Goal of the exercise: Using the entries below, output each line exactly from the first through the one that contains "#179=IFCINDEXEDPOLYGONALFACE((23,24,28,27));".

Data for this exercise:
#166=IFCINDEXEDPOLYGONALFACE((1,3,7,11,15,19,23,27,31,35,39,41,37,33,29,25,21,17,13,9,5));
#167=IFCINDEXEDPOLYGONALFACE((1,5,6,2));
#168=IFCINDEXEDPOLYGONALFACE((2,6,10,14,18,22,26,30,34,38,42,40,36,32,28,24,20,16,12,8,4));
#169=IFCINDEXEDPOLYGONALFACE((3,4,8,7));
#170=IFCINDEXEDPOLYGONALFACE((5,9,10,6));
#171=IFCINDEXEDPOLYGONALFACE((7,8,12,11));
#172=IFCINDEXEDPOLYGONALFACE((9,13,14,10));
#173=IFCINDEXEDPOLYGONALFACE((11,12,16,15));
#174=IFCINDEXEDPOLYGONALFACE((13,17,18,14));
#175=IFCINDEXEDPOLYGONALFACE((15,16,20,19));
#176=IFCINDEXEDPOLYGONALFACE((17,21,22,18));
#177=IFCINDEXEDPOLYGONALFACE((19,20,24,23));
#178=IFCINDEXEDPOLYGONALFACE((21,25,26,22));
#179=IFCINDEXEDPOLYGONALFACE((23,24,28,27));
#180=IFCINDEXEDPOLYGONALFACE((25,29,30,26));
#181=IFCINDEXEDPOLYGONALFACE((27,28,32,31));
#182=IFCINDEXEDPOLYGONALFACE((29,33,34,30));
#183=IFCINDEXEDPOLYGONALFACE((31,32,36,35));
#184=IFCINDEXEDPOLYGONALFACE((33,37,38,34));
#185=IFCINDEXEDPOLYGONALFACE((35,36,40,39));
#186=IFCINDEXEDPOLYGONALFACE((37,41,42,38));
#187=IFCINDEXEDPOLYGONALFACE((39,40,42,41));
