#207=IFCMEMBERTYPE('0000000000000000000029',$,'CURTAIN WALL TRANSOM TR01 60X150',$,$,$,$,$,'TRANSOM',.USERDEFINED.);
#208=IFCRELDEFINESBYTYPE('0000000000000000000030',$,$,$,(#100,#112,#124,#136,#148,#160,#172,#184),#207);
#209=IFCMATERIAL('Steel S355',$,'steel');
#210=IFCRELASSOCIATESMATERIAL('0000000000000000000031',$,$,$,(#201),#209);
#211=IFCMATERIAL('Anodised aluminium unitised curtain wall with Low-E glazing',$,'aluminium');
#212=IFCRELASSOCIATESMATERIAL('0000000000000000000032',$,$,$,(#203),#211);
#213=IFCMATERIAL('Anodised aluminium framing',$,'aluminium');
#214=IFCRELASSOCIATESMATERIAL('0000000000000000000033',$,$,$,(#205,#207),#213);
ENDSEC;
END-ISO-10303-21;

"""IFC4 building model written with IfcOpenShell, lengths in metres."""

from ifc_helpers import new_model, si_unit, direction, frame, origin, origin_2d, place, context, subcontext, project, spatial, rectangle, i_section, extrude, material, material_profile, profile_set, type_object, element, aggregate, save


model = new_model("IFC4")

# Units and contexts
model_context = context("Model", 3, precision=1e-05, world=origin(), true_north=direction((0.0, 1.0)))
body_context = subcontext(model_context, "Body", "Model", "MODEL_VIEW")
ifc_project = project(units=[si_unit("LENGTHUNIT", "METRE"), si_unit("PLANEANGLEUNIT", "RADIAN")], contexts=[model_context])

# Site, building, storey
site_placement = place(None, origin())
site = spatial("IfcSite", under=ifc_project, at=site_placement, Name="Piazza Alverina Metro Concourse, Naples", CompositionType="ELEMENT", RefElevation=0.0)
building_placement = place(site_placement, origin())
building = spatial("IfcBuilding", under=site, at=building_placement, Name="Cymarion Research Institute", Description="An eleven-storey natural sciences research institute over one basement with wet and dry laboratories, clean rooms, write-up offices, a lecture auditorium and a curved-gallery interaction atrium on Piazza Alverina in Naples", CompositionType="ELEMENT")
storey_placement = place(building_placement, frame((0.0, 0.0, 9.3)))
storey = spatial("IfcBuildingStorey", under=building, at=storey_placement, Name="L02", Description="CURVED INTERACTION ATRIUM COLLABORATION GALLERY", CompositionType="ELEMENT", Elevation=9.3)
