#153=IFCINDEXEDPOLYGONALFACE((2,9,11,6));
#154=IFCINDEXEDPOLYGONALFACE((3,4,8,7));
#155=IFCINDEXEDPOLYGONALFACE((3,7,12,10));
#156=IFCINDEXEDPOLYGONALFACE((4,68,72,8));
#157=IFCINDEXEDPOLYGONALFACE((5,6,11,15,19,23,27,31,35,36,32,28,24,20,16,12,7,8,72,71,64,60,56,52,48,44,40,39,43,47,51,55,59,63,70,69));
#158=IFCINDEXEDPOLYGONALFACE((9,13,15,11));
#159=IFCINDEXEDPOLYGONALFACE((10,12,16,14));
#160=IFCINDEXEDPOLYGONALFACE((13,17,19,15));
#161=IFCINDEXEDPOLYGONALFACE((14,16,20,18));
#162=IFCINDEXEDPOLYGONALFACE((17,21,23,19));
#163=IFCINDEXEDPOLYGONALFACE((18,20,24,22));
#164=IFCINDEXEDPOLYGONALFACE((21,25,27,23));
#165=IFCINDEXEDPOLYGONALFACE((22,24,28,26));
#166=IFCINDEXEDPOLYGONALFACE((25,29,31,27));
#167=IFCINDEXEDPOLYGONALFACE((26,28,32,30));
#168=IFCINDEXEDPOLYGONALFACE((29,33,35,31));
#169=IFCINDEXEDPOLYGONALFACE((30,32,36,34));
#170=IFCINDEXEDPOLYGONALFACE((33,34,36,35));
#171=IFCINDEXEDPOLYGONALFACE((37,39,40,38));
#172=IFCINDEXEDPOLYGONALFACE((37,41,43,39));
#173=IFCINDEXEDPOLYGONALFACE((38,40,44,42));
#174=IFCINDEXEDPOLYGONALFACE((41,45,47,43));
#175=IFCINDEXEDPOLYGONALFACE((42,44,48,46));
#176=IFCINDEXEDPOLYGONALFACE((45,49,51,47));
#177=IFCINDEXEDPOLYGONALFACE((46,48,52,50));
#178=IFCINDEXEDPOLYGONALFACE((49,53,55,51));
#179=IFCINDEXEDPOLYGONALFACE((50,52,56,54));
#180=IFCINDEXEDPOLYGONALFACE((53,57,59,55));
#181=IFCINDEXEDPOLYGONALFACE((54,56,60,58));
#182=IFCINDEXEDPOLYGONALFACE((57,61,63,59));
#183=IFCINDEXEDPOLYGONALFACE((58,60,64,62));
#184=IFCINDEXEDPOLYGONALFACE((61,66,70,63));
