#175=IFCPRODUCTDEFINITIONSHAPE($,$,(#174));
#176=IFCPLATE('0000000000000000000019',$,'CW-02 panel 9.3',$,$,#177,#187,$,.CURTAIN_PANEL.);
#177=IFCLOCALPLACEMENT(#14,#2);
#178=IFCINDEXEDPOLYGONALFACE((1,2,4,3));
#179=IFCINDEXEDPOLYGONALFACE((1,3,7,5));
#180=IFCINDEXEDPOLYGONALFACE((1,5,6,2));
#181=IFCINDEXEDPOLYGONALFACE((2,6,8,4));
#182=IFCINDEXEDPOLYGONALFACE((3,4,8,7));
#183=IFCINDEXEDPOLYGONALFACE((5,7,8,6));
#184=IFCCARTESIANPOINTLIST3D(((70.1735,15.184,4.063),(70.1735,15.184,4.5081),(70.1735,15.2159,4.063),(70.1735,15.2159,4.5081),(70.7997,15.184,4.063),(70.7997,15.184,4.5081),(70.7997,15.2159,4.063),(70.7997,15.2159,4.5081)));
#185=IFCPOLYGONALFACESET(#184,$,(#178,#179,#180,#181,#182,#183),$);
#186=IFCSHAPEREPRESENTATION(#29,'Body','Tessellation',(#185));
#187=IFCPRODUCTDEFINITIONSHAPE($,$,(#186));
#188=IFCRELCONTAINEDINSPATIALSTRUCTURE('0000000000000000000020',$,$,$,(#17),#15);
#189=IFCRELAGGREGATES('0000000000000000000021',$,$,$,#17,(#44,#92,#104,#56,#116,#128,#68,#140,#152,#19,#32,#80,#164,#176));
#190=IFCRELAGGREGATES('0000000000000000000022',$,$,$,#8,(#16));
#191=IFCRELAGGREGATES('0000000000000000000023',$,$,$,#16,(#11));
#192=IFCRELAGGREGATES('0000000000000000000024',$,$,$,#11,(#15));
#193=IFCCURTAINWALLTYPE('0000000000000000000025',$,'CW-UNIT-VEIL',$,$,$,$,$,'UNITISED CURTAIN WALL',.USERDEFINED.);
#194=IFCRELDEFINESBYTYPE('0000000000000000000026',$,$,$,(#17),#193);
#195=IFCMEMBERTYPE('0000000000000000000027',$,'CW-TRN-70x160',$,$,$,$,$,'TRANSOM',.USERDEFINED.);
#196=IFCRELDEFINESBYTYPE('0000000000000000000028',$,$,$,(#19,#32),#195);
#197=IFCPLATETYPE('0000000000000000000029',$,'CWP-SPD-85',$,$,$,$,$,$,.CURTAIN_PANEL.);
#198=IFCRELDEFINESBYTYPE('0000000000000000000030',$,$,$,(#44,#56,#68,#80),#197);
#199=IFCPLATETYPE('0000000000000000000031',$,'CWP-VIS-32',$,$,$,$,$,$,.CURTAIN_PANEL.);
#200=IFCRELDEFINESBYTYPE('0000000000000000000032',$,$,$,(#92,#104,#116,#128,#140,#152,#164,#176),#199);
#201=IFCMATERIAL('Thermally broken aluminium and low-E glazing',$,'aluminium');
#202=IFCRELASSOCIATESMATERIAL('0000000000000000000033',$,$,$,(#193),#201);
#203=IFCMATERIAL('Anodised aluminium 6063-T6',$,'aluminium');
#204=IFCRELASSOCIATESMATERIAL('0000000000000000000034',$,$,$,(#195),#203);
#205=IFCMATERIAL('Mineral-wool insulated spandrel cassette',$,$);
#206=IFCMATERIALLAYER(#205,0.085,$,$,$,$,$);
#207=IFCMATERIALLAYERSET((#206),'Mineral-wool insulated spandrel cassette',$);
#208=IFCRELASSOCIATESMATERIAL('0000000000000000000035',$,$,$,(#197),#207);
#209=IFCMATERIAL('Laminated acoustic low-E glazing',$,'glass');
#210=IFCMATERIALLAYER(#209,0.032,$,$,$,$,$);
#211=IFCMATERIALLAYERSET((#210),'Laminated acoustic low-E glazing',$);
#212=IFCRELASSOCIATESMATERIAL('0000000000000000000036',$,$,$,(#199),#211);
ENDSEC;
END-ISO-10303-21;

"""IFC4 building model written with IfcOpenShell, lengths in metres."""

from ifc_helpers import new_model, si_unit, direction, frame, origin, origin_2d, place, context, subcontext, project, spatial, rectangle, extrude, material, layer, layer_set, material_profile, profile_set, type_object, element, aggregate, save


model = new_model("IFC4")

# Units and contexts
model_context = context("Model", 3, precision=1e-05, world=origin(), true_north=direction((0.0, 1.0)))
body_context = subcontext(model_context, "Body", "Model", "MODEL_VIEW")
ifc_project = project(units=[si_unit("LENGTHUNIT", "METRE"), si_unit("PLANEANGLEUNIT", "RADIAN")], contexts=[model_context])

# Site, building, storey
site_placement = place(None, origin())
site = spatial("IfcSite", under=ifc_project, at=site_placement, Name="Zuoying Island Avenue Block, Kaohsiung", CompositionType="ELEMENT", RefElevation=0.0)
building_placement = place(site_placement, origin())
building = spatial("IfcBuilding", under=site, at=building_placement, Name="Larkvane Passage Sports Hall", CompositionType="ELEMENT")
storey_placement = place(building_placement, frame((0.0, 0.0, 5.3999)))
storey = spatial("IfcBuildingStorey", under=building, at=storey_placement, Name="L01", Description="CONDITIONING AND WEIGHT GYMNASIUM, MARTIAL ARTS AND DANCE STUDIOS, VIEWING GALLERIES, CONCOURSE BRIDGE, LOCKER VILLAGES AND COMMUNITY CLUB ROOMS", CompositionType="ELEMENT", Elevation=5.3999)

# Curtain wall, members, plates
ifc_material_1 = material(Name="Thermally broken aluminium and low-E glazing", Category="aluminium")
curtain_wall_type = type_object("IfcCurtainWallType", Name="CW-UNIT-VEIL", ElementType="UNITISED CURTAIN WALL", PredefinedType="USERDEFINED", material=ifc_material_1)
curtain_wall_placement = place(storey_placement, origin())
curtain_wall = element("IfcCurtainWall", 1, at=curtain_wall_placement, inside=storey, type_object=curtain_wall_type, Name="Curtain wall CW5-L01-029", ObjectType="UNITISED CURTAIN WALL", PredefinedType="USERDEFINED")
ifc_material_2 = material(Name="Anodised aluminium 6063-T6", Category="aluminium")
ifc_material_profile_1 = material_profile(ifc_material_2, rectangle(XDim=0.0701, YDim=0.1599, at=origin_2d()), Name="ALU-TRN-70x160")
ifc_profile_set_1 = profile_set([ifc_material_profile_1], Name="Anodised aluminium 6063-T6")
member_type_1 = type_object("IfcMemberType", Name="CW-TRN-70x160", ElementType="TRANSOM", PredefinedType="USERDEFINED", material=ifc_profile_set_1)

Response to the exercise:
#166=IFCINDEXEDPOLYGONALFACE((1,3,7,11,15,19,23,27,31,35,39,41,37,33,29,25,21,17,13,9,5));
#167=IFCINDEXEDPOLYGONALFACE((1,5,6,2));
#168=IFCINDEXEDPOLYGONALFACE((2,6,10,14,18,22,26,30,34,38,42,40,36,32,28,24,20,16,12,8,4));
#169=IFCINDEXEDPOLYGONALFACE((3,4,8,7));
#170=IFCINDEXEDPOLYGONALFACE((5,9,10,6));
#171=IFCINDEXEDPOLYGONALFACE((7,8,12,11));
#172=IFCINDEXEDPOLYGONALFACE((9,13,14,10));
#173=IFCINDEXEDPOLYGONALFACE((11,12,16,15));
#174=IFCINDEXEDPOLYGONALFACE((13,17,18,14));
#175=IFCINDEXEDPOLYGONALFACE((15,16,20,19));
#176=IFCINDEXEDPOLYGONALFACE((17,21,22,18));
#177=IFCINDEXEDPOLYGONALFACE((19,20,24,23));
#178=IFCINDEXEDPOLYGONALFACE((21,25,26,22));
#179=IFCINDEXEDPOLYGONALFACE((23,24,28,27));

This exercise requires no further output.